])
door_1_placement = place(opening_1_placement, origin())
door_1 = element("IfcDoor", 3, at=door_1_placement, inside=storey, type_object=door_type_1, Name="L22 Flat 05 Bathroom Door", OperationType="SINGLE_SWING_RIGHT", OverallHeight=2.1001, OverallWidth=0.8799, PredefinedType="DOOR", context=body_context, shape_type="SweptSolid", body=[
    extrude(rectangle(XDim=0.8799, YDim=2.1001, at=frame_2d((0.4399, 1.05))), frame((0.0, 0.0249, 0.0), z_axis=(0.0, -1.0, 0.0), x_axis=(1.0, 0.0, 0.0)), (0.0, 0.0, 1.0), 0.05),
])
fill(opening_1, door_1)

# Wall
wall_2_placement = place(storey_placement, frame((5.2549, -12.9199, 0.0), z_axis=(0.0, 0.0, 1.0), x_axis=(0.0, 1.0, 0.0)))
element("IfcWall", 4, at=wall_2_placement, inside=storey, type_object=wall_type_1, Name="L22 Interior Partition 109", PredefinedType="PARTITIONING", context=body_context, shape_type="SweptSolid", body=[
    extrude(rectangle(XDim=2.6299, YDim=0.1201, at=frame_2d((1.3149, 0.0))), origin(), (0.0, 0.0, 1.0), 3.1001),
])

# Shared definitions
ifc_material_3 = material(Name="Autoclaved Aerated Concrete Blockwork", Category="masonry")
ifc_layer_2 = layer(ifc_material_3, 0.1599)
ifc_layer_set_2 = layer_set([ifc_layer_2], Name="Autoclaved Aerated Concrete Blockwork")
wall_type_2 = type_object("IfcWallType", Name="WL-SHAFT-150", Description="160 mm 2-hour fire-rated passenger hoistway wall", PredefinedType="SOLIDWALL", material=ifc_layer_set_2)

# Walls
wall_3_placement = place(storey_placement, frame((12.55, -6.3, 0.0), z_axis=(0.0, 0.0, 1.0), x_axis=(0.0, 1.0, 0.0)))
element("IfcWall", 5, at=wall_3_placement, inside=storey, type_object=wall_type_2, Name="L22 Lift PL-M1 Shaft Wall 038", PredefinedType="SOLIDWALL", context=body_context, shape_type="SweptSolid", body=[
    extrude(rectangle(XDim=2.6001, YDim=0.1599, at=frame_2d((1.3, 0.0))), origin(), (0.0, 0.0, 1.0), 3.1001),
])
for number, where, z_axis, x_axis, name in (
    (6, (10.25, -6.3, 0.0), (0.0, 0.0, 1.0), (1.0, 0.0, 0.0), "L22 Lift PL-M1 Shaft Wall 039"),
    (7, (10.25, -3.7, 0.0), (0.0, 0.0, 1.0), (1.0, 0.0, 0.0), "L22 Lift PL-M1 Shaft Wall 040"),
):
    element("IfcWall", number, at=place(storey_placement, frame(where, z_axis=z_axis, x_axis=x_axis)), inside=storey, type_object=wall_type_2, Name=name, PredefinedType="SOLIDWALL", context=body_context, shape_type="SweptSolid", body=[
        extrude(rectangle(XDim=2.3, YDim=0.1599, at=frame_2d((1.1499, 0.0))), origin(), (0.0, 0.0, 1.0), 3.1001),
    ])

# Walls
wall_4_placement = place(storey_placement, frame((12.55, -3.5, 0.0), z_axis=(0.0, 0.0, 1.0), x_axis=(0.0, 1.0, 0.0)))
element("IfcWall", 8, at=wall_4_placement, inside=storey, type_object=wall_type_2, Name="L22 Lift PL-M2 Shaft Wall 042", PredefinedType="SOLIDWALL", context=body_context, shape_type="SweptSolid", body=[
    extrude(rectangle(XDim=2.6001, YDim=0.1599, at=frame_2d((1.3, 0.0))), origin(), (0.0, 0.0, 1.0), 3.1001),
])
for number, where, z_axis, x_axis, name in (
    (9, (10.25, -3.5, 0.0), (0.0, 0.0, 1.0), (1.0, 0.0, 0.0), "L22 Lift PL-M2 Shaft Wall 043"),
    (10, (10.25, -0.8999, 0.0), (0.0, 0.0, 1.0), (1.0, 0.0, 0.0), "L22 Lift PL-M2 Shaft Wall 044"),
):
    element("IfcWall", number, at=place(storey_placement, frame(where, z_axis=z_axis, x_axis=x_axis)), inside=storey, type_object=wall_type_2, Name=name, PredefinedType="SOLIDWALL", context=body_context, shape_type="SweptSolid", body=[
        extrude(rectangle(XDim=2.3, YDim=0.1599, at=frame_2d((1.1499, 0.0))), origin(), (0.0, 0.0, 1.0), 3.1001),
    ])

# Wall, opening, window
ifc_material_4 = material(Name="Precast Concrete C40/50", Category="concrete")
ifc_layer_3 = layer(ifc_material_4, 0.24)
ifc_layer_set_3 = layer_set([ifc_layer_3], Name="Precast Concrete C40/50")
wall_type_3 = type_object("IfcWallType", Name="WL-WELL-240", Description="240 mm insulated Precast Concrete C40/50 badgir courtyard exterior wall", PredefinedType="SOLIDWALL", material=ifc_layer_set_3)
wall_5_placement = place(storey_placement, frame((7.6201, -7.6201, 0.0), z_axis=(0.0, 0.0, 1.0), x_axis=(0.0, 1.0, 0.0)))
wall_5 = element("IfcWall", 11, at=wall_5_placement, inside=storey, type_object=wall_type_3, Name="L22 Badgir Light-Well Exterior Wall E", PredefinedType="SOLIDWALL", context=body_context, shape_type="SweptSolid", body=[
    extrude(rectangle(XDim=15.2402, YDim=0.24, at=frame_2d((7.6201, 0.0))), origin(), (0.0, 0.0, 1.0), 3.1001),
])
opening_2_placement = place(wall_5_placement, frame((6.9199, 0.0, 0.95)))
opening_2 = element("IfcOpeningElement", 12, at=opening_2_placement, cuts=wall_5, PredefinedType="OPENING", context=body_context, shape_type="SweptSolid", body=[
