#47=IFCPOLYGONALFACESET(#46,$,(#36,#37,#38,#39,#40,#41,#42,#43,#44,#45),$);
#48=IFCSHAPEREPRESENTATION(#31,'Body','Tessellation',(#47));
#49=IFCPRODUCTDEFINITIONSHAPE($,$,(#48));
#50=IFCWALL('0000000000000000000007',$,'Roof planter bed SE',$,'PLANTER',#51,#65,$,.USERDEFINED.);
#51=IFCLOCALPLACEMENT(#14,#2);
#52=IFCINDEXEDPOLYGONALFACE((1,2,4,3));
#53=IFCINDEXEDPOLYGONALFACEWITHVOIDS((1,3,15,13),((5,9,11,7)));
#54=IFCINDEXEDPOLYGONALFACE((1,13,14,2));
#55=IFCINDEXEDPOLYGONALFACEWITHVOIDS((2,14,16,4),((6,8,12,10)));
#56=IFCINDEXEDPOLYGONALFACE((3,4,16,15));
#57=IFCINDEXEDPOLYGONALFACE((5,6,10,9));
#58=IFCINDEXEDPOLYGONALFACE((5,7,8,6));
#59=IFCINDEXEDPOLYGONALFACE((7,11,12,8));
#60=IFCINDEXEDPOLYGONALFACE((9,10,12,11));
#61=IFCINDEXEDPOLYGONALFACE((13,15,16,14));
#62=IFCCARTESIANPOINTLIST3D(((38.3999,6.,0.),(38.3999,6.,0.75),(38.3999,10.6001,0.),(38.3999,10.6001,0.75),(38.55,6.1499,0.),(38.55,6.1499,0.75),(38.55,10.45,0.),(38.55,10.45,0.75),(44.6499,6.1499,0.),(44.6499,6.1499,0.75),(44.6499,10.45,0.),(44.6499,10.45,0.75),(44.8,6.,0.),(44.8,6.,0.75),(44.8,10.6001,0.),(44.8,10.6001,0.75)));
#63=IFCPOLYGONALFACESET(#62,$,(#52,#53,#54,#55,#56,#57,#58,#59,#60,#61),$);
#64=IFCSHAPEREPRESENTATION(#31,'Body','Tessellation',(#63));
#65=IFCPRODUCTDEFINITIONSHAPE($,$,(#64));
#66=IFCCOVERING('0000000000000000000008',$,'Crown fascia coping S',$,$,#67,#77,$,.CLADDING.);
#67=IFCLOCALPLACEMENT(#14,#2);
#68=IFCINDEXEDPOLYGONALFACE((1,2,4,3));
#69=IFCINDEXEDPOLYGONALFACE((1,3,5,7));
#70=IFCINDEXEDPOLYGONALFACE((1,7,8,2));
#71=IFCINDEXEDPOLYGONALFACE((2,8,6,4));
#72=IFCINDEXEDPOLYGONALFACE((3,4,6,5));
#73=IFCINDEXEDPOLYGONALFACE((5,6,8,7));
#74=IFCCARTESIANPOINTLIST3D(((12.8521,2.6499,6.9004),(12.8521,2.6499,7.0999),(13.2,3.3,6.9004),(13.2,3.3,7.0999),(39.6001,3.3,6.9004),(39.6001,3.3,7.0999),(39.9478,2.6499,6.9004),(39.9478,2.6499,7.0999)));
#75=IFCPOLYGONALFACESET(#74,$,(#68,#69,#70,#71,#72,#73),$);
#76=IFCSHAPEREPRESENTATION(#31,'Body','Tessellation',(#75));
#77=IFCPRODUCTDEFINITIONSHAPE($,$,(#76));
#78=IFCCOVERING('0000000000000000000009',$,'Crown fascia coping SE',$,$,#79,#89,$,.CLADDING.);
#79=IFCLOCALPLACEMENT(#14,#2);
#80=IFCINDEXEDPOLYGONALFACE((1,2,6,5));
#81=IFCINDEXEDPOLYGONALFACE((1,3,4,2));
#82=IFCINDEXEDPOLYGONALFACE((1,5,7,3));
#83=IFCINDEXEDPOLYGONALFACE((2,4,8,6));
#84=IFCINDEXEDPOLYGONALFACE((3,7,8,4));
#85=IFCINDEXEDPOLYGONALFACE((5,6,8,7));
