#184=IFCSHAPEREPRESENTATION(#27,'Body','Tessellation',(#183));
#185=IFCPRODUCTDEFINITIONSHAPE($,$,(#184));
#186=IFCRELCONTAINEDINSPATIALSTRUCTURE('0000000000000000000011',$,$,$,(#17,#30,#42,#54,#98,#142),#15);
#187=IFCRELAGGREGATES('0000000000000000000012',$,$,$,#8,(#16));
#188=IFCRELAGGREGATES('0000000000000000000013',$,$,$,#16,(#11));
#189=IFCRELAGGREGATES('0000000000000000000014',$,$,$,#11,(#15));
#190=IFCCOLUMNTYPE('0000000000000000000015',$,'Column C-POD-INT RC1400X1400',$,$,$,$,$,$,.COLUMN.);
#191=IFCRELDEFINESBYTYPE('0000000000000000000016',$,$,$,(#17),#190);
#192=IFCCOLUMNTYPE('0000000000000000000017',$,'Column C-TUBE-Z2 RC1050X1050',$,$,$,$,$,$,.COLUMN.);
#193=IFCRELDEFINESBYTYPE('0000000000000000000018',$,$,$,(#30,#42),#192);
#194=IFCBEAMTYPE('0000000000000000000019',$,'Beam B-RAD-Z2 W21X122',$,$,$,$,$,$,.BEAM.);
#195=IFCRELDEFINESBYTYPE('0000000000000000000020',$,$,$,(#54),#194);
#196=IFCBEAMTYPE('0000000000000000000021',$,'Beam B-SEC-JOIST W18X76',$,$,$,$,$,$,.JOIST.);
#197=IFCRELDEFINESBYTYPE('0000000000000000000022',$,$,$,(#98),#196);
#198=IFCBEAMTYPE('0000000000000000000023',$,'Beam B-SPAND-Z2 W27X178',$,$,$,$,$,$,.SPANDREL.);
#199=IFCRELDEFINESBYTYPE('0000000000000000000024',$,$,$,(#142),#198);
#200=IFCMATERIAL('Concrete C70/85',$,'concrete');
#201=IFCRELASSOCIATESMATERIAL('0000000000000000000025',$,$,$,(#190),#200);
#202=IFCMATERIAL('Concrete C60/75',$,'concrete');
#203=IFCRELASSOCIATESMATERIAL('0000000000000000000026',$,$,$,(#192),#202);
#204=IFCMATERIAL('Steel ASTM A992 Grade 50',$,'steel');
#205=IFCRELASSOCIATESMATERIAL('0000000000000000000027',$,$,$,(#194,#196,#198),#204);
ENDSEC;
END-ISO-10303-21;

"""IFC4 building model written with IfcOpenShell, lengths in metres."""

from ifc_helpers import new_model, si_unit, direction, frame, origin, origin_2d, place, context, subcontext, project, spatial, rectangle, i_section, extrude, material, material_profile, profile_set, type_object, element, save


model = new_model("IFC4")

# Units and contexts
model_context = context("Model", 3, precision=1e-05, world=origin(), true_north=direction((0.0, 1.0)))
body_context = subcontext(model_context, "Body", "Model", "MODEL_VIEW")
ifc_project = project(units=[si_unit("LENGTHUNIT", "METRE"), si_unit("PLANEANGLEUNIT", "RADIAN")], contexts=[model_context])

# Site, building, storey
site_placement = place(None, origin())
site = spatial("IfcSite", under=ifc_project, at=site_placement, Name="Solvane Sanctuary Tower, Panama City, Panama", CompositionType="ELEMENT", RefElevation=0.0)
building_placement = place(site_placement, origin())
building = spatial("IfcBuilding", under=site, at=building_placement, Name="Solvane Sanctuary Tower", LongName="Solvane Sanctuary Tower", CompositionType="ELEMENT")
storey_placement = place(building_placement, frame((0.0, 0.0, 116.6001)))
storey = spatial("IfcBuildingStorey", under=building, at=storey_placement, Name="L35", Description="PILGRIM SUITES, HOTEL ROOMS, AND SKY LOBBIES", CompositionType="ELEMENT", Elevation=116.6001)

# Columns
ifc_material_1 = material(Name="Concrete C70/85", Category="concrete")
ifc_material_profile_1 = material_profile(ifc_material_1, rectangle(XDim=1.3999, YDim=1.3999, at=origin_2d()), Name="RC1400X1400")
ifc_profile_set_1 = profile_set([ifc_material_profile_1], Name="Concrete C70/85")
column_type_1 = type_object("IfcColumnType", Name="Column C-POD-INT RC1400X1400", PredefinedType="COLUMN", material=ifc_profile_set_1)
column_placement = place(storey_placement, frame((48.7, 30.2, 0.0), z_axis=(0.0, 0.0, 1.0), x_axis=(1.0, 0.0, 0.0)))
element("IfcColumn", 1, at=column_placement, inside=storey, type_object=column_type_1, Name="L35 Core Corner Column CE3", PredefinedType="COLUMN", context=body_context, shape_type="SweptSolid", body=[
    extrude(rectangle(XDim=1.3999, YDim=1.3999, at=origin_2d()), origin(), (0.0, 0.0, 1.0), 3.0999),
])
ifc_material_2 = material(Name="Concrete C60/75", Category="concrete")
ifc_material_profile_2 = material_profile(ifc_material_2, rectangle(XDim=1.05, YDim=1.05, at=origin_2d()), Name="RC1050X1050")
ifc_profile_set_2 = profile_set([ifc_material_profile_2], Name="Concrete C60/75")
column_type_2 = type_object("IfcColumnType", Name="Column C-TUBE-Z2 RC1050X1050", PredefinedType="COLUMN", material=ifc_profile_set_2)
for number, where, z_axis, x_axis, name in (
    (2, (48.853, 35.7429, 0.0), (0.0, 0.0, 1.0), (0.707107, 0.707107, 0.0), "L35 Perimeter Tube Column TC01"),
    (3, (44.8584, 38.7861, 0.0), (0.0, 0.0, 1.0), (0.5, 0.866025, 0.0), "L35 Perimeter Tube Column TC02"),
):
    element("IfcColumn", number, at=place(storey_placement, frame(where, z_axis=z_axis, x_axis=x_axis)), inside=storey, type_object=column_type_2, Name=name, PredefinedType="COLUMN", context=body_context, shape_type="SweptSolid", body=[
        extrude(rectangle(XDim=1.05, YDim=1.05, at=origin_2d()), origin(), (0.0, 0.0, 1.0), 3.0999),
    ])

# # # # # # #

▶ YOUR INSTRUCTIONS:
Lines to set down from above: the line with "#56=IFCINDEXEDPOLYGONALFACE((3,4,16,15));", the line with "#61=IFCINDEXEDPOLYGONALFACE((13,15,16,14));", and every line between, each exactly as written.

▶ OUTPUT:
#56=IFCINDEXEDPOLYGONALFACE((3,4,16,15));
#57=IFCINDEXEDPOLYGONALFACE((5,6,10,9));
#58=IFCINDEXEDPOLYGONALFACE((5,7,8,6));
#59=IFCINDEXEDPOLYGONALFACE((7,11,12,8));
#60=IFCINDEXEDPOLYGONALFACE((9,10,12,11));
#61=IFCINDEXEDPOLYGONALFACE((13,15,16,14));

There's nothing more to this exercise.